[Dataset entries]

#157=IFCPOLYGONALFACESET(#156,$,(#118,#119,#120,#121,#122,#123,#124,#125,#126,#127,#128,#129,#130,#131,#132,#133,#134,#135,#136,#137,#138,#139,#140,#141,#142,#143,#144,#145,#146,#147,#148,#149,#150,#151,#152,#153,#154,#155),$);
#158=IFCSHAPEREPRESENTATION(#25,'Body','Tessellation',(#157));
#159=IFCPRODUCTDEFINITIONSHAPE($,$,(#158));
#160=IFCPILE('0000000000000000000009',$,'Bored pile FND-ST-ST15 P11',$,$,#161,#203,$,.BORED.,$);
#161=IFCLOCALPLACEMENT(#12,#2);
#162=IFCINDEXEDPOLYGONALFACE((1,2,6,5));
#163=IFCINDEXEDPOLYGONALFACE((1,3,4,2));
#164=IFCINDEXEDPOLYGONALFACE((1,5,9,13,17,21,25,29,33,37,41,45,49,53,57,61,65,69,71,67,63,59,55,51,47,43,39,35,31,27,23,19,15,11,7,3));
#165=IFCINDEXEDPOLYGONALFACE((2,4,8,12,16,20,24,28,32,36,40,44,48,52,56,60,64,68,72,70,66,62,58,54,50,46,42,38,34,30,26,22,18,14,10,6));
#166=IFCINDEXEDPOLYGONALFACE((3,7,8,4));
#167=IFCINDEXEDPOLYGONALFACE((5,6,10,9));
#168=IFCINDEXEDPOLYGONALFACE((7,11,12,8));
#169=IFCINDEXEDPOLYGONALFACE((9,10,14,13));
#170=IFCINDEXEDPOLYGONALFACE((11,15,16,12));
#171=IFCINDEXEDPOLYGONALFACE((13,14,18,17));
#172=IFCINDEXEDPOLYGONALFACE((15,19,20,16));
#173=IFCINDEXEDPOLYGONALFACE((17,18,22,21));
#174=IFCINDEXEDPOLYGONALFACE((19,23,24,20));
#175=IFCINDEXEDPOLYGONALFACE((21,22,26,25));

● **YOUR GOAL**
Print the data above exactly as it reads.

● **EXPECTED OUTPUT**
#157=IFCPOLYGONALFACESET(#156,$,(#118,#119,#120,#121,#122,#123,#124,#125,#126,#127,#128,#129,#130,#131,#132,#133,#134,#135,#136,#137,#138,#139,#140,#141,#142,#143,#144,#145,#146,#147,#148,#149,#150,#151,#152,#153,#154,#155),$);
#158=IFCSHAPEREPRESENTATION(#25,'Body','Tessellation',(#157));
#159=IFCPRODUCTDEFINITIONSHAPE($,$,(#158));
#160=IFCPILE('0000000000000000000009',$,'Bored pile FND-ST-ST15 P11',$,$,#161,#203,$,.BORED.,$);
#161=IFCLOCALPLACEMENT(#12,#2);
#162=IFCINDEXEDPOLYGONALFACE((1,2,6,5));
#163=IFCINDEXEDPOLYGONALFACE((1,3,4,2));
#164=IFCINDEXEDPOLYGONALFACE((1,5,9,13,17,21,25,29,33,37,41,45,49,53,57,61,65,69,71,67,63,59,55,51,47,43,39,35,31,27,23,19,15,11,7,3));
#165=IFCINDEXEDPOLYGONALFACE((2,4,8,12,16,20,24,28,32,36,40,44,48,52,56,60,64,68,72,70,66,62,58,54,50,46,42,38,34,30,26,22,18,14,10,6));
#166=IFCINDEXEDPOLYGONALFACE((3,7,8,4));
#167=IFCINDEXEDPOLYGONALFACE((5,6,10,9));
#168=IFCINDEXEDPOLYGONALFACE((7,11,12,8));
#169=IFCINDEXEDPOLYGONALFACE((9,10,14,13));
#170=IFCINDEXEDPOLYGONALFACE((11,15,16,12));
#171=IFCINDEXEDPOLYGONALFACE((13,14,18,17));
#172=IFCINDEXEDPOLYGONALFACE((15,19,20,16));
#173=IFCINDEXEDPOLYGONALFACE((17,18,22,21));
#174=IFCINDEXEDPOLYGONALFACE((19,23,24,20));
#175=IFCINDEXEDPOLYGONALFACE((21,22,26,25));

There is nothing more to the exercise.